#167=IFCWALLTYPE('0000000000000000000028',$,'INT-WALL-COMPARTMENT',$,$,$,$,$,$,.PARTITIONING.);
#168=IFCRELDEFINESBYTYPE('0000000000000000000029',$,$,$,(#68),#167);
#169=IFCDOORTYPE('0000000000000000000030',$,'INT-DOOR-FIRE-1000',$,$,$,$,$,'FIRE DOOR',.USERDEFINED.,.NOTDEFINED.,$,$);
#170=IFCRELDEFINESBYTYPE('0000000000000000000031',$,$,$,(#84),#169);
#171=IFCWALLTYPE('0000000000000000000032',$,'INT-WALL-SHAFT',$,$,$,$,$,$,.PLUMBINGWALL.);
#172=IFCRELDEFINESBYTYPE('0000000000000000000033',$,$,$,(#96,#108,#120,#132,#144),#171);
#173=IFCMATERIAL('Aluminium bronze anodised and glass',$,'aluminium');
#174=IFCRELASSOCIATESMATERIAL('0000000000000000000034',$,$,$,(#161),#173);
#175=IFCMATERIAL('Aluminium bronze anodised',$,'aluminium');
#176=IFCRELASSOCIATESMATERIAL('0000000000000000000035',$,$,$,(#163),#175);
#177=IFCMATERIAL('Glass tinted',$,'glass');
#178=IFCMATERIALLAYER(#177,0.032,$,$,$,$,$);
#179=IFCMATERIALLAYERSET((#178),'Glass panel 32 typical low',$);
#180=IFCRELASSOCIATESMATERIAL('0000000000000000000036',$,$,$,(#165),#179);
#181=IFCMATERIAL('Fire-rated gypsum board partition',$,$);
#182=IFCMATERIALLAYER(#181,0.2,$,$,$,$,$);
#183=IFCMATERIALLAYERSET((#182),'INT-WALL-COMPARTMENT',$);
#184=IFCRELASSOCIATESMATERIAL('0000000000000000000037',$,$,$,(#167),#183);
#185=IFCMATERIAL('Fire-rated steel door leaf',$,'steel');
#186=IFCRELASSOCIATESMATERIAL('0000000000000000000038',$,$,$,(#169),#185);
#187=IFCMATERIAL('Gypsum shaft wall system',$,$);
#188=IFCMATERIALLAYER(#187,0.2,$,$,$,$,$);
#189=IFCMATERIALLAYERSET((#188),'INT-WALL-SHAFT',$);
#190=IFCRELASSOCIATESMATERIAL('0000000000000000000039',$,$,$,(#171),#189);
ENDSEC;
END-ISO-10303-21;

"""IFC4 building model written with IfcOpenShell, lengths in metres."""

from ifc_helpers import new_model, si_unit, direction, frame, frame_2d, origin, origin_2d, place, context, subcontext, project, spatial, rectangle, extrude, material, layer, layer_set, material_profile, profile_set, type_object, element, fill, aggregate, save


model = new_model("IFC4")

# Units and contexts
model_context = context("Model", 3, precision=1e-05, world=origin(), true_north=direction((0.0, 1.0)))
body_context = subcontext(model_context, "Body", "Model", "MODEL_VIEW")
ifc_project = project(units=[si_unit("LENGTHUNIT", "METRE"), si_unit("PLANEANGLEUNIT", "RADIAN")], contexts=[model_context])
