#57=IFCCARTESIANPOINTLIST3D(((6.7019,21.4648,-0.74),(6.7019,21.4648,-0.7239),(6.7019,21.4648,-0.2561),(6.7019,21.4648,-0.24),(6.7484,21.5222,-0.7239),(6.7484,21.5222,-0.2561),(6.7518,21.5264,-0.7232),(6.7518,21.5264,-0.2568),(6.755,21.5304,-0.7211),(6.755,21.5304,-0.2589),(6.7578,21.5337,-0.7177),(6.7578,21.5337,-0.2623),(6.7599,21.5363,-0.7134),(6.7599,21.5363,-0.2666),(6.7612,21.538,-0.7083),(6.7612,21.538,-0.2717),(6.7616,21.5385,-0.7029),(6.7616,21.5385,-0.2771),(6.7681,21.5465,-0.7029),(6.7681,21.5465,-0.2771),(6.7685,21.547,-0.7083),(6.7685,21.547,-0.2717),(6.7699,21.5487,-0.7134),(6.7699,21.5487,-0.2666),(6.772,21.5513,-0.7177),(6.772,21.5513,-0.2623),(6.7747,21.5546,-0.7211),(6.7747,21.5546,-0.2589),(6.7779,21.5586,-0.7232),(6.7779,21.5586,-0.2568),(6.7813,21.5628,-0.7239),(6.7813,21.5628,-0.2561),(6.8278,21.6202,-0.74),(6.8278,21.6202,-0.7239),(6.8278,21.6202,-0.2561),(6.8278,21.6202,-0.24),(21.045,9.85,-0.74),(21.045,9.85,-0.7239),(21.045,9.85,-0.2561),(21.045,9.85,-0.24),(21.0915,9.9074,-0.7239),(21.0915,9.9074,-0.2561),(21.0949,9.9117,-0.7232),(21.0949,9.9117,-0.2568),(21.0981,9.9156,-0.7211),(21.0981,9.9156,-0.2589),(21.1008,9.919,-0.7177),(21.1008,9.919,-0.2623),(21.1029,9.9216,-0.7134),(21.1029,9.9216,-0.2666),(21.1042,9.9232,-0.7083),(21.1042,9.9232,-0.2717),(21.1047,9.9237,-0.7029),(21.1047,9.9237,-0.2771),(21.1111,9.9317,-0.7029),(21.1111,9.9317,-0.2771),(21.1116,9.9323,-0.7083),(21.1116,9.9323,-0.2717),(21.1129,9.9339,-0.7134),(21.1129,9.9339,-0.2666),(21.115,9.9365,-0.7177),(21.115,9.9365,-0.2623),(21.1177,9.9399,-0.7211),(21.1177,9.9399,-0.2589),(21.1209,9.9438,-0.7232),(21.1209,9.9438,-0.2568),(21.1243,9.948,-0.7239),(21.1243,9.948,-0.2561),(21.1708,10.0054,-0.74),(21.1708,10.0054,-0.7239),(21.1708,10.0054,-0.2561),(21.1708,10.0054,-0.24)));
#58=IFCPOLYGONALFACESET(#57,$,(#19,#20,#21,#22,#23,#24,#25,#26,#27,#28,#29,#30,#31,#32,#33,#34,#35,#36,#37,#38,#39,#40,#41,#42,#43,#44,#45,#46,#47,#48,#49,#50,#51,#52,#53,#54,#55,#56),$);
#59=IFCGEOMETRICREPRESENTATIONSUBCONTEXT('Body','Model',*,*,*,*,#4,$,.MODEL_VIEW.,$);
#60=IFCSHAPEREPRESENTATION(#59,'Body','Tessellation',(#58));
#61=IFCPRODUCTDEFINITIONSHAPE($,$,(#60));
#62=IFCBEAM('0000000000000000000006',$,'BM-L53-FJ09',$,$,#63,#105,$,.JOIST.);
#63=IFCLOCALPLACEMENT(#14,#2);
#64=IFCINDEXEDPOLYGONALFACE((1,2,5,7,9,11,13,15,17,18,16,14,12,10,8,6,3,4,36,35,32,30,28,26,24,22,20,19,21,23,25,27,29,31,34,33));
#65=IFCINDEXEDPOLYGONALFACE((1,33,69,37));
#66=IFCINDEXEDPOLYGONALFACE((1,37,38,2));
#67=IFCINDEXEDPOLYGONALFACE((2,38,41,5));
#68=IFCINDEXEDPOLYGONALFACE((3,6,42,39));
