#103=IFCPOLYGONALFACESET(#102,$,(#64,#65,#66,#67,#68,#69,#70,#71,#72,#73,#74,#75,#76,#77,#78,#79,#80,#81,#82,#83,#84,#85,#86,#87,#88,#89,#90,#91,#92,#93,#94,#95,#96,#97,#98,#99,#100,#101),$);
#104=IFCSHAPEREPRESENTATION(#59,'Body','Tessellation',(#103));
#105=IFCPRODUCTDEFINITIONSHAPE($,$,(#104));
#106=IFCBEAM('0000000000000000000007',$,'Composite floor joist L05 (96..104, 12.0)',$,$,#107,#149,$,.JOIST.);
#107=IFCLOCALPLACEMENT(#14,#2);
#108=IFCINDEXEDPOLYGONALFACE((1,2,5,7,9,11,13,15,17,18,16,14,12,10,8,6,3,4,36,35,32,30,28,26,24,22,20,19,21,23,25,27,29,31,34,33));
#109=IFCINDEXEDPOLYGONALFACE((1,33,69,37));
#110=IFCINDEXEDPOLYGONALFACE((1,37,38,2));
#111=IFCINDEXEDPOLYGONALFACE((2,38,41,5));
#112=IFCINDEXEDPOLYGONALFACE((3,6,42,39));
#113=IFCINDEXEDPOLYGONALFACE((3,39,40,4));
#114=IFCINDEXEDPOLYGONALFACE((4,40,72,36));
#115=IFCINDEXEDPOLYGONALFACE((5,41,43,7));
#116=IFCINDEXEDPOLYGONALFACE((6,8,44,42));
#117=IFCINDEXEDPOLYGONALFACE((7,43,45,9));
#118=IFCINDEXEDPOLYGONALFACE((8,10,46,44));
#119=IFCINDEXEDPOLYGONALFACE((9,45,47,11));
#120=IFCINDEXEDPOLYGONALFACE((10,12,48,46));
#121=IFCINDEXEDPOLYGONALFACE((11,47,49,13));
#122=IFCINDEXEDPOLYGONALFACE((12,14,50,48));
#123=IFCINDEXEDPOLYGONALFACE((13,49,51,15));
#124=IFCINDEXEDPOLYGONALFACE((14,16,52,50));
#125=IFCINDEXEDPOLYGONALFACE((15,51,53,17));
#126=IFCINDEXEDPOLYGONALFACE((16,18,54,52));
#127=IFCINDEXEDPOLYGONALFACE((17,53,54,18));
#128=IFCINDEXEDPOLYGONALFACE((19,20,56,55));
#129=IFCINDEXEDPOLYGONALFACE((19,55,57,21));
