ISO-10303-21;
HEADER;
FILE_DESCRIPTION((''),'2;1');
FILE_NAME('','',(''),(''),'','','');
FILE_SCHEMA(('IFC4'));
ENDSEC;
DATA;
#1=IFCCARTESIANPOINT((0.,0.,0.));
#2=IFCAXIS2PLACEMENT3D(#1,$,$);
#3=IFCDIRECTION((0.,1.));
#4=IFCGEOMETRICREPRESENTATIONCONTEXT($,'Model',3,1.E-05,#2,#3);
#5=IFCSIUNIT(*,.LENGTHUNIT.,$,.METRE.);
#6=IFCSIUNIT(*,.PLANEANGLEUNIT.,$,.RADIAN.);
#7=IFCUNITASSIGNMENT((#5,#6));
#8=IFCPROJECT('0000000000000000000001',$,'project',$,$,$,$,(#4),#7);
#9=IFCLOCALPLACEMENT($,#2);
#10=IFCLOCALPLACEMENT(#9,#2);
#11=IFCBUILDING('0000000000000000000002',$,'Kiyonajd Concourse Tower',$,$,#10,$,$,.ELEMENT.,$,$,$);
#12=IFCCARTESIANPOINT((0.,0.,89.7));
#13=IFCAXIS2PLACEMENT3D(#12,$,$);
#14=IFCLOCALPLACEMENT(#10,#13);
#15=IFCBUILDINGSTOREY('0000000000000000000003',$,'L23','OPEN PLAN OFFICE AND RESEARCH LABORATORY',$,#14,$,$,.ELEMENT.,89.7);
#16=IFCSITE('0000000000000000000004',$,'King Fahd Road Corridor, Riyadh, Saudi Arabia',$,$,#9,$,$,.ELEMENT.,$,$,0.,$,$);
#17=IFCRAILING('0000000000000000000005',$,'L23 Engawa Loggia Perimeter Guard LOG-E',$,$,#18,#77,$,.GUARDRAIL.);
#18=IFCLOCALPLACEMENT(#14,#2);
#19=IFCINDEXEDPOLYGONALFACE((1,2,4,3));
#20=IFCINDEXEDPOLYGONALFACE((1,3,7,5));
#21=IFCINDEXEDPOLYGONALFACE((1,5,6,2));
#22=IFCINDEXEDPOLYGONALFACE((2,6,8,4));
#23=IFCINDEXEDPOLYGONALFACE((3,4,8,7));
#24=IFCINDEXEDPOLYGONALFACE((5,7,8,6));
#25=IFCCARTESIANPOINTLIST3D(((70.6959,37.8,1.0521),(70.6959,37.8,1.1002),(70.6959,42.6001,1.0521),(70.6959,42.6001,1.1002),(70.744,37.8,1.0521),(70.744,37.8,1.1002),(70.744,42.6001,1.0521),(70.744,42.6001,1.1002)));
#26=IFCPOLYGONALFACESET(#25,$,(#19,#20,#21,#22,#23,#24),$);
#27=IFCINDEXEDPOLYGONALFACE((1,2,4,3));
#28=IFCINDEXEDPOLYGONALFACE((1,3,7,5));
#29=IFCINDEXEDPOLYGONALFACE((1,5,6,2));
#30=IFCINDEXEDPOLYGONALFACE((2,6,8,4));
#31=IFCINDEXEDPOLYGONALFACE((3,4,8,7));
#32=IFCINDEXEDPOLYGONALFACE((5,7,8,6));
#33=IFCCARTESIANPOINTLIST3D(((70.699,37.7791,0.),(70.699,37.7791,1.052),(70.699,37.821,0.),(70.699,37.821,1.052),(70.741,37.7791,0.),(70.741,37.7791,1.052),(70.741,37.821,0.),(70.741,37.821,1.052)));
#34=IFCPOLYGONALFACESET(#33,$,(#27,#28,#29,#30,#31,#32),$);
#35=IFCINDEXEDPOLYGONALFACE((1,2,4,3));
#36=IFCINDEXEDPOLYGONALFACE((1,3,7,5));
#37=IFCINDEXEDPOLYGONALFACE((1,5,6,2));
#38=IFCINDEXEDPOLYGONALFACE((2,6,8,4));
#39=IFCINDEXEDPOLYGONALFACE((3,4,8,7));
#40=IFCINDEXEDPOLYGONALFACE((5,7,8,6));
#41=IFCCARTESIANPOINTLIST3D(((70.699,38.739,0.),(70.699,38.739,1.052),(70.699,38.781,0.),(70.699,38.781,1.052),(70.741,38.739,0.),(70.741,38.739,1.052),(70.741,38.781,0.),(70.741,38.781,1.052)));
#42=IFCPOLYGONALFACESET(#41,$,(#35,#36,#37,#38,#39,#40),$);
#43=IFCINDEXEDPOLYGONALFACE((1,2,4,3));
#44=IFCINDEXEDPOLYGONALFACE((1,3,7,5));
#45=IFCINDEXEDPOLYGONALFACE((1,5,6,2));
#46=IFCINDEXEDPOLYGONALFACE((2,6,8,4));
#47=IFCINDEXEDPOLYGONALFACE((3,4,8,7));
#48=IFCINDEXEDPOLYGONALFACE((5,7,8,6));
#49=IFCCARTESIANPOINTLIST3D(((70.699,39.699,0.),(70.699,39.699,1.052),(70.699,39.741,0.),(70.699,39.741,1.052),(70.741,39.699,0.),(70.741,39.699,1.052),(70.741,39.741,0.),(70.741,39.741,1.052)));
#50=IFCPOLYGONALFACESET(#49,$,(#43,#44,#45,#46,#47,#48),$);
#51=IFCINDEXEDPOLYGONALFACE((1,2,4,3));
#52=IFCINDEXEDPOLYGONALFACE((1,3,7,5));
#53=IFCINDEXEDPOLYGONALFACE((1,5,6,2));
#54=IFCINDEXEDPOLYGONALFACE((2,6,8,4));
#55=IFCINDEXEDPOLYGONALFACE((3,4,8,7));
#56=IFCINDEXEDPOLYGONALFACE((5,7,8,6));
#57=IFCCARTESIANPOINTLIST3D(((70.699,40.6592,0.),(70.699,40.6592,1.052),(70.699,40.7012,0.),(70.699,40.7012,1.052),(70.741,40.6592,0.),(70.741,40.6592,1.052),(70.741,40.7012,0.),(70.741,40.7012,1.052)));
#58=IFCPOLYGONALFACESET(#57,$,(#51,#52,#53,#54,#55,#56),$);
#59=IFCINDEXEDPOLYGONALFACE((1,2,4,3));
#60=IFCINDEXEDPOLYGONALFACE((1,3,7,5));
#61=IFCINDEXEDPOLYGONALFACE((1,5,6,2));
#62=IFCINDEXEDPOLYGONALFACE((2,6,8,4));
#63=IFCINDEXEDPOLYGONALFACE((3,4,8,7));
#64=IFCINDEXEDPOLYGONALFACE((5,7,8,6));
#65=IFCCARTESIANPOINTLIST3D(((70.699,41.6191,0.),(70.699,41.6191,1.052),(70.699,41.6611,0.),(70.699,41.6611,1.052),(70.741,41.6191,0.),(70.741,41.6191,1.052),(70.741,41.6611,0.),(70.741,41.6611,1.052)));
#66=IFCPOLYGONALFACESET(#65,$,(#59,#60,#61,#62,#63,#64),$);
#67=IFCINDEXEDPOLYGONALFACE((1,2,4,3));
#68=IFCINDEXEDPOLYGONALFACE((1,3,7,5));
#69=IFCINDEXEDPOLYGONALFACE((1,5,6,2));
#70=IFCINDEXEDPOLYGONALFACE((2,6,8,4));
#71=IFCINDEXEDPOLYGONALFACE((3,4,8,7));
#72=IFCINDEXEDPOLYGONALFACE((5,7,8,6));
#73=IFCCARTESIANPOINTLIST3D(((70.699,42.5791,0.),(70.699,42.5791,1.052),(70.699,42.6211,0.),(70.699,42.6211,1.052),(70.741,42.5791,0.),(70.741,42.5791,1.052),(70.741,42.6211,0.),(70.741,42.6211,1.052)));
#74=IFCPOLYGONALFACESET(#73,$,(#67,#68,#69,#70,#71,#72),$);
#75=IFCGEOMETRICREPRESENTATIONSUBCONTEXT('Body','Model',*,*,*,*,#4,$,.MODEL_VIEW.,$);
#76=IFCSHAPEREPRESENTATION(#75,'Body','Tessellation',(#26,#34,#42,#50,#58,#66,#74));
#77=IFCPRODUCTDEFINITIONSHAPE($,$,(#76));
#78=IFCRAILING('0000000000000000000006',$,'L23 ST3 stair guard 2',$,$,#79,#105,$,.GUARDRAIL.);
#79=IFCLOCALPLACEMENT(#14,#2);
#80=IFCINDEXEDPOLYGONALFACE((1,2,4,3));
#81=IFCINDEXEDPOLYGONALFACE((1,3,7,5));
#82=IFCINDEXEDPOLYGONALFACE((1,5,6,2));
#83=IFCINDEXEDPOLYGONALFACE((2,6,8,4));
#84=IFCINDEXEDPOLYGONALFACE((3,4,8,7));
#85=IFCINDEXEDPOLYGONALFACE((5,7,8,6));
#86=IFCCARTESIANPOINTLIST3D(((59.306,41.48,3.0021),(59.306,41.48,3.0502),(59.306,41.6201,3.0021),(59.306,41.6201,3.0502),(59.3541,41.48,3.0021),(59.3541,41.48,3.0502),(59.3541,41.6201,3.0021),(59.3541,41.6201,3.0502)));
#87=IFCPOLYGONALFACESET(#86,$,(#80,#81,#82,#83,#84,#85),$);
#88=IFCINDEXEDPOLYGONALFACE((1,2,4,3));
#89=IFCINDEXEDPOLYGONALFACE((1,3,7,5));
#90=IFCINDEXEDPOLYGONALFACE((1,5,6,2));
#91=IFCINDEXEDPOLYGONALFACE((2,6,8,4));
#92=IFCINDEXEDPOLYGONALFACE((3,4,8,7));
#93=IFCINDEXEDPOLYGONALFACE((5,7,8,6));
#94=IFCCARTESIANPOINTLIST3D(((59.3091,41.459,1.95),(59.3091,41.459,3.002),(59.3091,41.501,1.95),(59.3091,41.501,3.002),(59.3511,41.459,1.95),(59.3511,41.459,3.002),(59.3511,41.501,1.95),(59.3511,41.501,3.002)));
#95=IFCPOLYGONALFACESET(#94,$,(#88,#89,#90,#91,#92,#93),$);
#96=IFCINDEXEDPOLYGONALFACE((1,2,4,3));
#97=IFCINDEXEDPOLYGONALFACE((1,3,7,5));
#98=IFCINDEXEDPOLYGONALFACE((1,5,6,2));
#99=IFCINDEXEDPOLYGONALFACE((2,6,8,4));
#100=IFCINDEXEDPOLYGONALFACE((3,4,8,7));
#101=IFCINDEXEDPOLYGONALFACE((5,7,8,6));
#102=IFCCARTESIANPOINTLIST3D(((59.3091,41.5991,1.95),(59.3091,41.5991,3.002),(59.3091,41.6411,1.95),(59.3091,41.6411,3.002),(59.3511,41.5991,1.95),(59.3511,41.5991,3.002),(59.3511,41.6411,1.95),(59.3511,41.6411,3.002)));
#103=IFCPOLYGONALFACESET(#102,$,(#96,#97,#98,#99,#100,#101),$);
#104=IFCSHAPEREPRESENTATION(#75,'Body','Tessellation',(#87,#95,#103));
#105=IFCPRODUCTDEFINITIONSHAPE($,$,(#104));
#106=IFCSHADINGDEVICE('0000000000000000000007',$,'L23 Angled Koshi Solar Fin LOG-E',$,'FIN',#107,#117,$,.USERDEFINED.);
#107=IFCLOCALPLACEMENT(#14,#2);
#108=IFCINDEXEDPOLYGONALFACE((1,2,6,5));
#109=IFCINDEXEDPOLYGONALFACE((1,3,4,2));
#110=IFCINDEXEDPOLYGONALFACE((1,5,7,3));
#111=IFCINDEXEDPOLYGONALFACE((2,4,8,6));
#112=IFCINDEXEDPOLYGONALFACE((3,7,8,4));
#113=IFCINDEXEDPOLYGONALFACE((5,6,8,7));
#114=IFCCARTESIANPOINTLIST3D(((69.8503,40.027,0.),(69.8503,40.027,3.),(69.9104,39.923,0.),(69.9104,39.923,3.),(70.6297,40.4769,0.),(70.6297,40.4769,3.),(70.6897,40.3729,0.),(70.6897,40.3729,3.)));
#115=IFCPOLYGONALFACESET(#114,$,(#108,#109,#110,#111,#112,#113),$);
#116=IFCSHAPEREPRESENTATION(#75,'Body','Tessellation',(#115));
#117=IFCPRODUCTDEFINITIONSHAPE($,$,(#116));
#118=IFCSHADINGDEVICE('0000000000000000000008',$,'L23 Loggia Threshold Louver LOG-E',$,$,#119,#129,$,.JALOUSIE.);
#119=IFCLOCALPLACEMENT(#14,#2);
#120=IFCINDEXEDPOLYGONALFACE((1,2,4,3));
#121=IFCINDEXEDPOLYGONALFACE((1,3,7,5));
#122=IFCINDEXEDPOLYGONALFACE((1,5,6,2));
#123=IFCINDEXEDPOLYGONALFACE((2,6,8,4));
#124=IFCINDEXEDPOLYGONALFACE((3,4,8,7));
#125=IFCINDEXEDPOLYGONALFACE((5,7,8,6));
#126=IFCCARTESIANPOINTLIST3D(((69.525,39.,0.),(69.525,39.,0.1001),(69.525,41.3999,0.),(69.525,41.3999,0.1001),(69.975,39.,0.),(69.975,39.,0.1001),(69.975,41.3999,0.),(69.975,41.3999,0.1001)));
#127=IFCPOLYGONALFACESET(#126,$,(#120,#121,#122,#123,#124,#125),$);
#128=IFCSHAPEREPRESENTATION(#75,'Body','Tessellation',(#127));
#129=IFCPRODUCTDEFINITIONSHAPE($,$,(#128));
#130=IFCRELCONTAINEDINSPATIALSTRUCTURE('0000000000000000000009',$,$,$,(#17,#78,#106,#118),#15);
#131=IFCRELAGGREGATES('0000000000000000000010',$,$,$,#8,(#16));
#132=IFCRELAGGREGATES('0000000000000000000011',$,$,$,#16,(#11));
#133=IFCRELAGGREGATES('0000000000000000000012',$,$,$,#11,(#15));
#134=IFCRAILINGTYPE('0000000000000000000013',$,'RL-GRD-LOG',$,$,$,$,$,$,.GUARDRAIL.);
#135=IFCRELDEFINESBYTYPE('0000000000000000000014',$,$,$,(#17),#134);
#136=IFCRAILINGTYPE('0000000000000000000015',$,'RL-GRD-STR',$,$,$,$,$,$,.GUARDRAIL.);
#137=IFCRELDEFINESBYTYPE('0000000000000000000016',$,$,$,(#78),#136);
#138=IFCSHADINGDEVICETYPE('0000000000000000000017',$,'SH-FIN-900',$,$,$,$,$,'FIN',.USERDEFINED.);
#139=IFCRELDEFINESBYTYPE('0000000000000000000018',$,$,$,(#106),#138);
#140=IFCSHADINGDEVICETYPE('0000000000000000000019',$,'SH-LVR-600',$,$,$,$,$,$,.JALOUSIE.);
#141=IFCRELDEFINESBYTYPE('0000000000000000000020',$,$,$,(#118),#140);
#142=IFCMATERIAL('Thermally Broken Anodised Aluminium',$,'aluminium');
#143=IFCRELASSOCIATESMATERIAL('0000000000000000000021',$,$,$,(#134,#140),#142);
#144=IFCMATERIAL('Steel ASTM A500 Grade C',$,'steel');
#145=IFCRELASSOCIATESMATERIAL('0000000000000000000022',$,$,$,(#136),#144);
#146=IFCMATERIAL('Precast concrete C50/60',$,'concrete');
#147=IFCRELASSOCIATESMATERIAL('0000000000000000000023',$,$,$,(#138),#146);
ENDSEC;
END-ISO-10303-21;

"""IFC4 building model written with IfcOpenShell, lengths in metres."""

from ifc_helpers import new_model, si_unit, direction, frame, origin, origin_2d, place, context, subcontext, project, spatial, rectangle, extrude, material, type_object, element, save


model = new_model("IFC4")

# Units and contexts
model_context = context("Model", 3, precision=1e-05, world=origin(), true_north=direction((0.0, 1.0)))
body_context = subcontext(model_context, "Body", "Model", "MODEL_VIEW")
ifc_project = project(units=[si_unit("LENGTHUNIT", "METRE"), si_unit("PLANEANGLEUNIT", "RADIAN")], contexts=[model_context])

# Site, building, storey
site_placement = place(None, origin())
site = spatial("IfcSite", under=ifc_project, at=site_placement, Name="King Fahd Road Corridor, Riyadh, Saudi Arabia", CompositionType="ELEMENT", RefElevation=0.0)
building_placement = place(site_placement, origin())
building = spatial("IfcBuilding", under=site, at=building_placement, Name="Kiyonajd Concourse Tower", CompositionType="ELEMENT")
storey_placement = place(building_placement, frame((0.0, 0.0, 89.7)))
storey = spatial("IfcBuildingStorey", under=building, at=storey_placement, Name="L23", Description="OPEN PLAN OFFICE AND RESEARCH LABORATORY", CompositionType="ELEMENT", Elevation=89.7)

# Shared definitions
ifc_material_1 = material(Name="Precast concrete C50/60", Category="concrete")

# Shared definitions
ifc_material_2 = material(Name="Thermally Broken Anodised Aluminium", Category="aluminium")

# Railings
railing_type_1 = type_object("IfcRailingType", Name="RL-GRD-LOG", PredefinedType="GUARDRAIL", material=ifc_material_2)
railing_1_placement = place(storey_placement, frame((70.72, 37.8, 0.0)))
element("IfcRailing", 1, at=railing_1_placement, inside=storey, type_object=railing_type_1, Name="L23 Engawa Loggia Perimeter Guard LOG-E", PredefinedType="GUARDRAIL", context=body_context, shape_type="SweptSolid", body=[
    extrude(rectangle(XDim=0.0481, YDim=0.0481, at=origin_2d()), frame((0.0, 0.0, 1.0762), z_axis=(0.0, 1.0, 0.0), x_axis=(-1.0, 0.0, 0.0)), (0.0, 0.0, 1.0), 4.8),
    extrude(rectangle(XDim=0.042, YDim=0.042, at=origin_2d()), origin(), (0.0, 0.0, 1.0), 1.052),
    extrude(rectangle(XDim=0.042, YDim=0.042, at=origin_2d()), frame((0.0, 0.96, 0.0)), (0.0, 0.0, 1.0), 1.052),
    extrude(rectangle(XDim=0.042, YDim=0.042, at=origin_2d()), frame((0.0, 1.9199, 0.0)), (0.0, 0.0, 1.0), 1.052),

__TRY IT__. Give only the number of lines above that hold the string "IFCMATERIALLAYERSET".

__EXERCISE RESPONSE__. 3